If a line in the entries below includes "ElementType", pick it out and copy it.

[[ Supplied data, beginning ]]

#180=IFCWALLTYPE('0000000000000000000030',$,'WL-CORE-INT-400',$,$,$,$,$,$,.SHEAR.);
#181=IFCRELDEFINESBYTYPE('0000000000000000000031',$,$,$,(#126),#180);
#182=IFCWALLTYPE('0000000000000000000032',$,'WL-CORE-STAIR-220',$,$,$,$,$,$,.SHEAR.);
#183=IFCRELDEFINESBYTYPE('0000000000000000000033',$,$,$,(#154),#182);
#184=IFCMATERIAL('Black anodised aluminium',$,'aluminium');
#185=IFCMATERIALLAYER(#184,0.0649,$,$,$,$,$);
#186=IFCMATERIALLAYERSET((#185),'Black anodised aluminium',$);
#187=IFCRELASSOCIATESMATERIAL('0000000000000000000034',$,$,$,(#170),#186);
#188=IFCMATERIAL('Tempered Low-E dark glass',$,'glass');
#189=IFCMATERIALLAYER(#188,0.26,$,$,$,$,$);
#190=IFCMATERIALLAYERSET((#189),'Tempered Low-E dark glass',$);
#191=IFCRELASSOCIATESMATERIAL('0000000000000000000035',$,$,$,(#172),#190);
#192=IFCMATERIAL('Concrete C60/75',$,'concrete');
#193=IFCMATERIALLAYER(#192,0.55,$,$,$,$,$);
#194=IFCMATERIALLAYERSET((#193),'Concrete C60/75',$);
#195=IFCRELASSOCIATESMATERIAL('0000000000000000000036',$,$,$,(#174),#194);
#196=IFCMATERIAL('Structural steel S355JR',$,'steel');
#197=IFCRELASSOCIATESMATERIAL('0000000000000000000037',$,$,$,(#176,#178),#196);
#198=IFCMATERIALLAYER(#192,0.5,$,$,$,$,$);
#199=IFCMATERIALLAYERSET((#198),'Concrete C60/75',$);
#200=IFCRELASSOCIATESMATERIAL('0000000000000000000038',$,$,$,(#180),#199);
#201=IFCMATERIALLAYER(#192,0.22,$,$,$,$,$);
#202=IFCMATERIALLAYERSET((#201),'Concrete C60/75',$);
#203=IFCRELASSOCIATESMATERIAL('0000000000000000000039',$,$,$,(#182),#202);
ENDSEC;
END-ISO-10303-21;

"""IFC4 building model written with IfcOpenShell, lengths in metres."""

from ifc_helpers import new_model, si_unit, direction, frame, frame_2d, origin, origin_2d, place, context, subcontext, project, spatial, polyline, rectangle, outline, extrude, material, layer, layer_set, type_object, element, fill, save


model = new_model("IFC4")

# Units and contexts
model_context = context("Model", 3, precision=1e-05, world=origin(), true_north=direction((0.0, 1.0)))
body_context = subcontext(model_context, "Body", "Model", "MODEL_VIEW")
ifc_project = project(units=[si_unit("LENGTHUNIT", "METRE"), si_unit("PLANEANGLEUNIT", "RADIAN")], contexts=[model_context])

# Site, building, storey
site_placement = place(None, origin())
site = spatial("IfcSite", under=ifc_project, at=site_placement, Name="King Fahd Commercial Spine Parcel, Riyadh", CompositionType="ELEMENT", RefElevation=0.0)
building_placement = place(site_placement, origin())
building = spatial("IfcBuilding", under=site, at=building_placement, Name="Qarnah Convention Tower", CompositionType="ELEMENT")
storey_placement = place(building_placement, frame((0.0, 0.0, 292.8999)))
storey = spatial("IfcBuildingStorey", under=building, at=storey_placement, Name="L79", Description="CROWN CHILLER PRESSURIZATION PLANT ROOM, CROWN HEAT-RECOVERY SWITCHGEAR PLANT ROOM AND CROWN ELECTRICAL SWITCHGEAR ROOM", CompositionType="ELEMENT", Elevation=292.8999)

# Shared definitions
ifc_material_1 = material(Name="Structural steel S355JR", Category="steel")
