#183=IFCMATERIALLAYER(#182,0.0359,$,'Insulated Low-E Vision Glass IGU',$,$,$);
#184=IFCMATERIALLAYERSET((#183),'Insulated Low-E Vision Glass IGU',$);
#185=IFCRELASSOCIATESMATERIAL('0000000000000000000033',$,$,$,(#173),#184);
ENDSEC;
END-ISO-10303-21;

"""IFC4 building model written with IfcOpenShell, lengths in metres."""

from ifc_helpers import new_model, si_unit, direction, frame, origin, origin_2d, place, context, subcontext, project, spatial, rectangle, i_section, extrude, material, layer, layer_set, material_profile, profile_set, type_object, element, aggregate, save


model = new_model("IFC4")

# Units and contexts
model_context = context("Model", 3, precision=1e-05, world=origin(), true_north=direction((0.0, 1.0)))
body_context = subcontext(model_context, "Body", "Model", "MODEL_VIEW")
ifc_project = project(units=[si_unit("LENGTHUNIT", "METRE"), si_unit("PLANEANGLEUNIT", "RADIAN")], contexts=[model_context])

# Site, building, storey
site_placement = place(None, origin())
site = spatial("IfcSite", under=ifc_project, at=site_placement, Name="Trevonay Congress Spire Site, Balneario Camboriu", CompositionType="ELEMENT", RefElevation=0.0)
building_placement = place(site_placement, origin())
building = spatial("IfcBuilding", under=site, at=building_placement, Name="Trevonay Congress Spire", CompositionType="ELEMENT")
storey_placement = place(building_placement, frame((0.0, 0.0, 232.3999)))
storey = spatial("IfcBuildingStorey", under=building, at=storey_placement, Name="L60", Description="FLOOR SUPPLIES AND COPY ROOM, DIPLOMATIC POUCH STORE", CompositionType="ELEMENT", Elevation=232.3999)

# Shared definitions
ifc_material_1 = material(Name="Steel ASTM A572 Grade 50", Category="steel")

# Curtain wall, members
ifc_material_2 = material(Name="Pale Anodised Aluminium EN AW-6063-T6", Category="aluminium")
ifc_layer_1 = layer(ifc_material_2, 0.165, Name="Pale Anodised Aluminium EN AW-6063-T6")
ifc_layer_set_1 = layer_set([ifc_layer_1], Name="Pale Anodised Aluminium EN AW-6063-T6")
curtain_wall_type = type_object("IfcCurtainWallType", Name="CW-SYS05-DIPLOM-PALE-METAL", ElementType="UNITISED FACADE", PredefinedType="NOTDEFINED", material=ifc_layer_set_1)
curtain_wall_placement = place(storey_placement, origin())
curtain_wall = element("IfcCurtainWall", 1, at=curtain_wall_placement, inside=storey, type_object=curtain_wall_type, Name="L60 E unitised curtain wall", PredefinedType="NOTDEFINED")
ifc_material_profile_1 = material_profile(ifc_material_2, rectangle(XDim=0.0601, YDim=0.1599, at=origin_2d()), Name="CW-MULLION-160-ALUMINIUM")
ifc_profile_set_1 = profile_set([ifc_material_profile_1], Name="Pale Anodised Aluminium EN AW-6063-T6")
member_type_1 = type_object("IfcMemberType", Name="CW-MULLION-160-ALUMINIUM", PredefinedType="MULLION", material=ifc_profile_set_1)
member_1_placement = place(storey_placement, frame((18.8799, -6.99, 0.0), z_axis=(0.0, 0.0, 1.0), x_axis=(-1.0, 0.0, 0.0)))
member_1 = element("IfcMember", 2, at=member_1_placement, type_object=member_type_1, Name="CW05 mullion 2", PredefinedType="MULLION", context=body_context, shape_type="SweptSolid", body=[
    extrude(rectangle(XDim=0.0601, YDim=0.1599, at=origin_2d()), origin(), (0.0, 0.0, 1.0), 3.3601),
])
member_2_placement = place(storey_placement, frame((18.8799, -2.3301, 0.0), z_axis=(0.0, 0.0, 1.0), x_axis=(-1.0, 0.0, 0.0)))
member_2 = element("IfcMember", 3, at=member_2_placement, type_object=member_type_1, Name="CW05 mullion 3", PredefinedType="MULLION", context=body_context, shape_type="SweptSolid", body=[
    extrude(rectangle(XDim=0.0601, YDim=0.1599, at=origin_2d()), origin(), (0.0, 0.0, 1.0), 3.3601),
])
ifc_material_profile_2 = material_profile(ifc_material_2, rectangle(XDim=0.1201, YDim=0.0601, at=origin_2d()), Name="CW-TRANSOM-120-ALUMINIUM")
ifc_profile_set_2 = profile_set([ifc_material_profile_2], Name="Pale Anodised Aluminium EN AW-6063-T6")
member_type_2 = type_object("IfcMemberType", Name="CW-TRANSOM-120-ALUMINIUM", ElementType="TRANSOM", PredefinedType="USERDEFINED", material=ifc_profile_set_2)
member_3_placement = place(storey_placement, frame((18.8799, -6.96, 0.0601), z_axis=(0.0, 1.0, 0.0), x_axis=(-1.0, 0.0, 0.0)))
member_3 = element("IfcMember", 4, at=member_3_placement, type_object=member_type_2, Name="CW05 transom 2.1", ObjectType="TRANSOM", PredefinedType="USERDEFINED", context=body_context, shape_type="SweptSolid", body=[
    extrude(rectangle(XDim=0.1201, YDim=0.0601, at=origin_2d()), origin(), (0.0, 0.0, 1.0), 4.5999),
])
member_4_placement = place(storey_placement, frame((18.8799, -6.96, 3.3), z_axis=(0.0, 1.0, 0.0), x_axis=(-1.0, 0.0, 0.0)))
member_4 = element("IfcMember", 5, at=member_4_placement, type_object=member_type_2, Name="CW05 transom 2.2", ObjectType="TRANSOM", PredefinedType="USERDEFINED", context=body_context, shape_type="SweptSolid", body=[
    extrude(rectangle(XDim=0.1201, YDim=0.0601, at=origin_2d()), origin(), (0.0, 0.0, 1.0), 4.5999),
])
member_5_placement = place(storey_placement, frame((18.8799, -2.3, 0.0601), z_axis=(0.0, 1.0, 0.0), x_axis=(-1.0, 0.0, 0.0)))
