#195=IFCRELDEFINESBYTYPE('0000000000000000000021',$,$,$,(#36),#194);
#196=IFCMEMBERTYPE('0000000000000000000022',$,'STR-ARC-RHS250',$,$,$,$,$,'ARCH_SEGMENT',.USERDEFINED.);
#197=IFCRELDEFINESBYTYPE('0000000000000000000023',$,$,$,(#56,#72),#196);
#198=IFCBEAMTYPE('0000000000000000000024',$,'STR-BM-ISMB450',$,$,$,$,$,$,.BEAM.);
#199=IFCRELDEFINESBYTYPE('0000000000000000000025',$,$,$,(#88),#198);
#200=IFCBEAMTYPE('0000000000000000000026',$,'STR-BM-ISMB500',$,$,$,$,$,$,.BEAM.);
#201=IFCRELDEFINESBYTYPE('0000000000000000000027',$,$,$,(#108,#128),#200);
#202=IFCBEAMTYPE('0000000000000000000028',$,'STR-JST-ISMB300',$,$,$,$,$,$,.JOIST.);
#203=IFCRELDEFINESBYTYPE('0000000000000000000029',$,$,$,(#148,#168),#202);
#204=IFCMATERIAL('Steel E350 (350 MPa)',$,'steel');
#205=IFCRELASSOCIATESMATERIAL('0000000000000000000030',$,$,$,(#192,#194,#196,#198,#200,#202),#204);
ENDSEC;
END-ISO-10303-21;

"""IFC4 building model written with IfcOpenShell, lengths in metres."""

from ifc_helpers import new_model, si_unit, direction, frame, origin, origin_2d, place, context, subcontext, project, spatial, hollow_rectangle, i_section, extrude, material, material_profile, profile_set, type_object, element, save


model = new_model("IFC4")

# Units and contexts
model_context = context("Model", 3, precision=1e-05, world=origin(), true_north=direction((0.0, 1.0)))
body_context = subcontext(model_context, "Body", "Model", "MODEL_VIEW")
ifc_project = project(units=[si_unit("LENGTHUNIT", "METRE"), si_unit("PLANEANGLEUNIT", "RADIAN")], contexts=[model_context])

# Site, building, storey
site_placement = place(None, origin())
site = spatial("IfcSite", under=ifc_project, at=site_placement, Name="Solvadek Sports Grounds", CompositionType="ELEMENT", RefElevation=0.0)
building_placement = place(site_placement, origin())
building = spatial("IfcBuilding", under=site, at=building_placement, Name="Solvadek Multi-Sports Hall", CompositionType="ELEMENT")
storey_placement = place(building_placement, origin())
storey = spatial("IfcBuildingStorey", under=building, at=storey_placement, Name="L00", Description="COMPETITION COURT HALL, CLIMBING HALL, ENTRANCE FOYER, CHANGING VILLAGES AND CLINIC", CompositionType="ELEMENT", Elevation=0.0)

[[ Supplied data, end ]]

Finished exercise:
curtain_wall_type = type_object("IfcCurtainWallType", Name="CW-SYS05-DIPLOM-PALE-METAL", ElementType="UNITISED FACADE", PredefinedType="NOTDEFINED", material=ifc_layer_set_1)
member_type_2 = type_object("IfcMemberType", Name="CW-TRANSOM-120-ALUMINIUM", ElementType="TRANSOM", PredefinedType="USERDEFINED", material=ifc_profile_set_2)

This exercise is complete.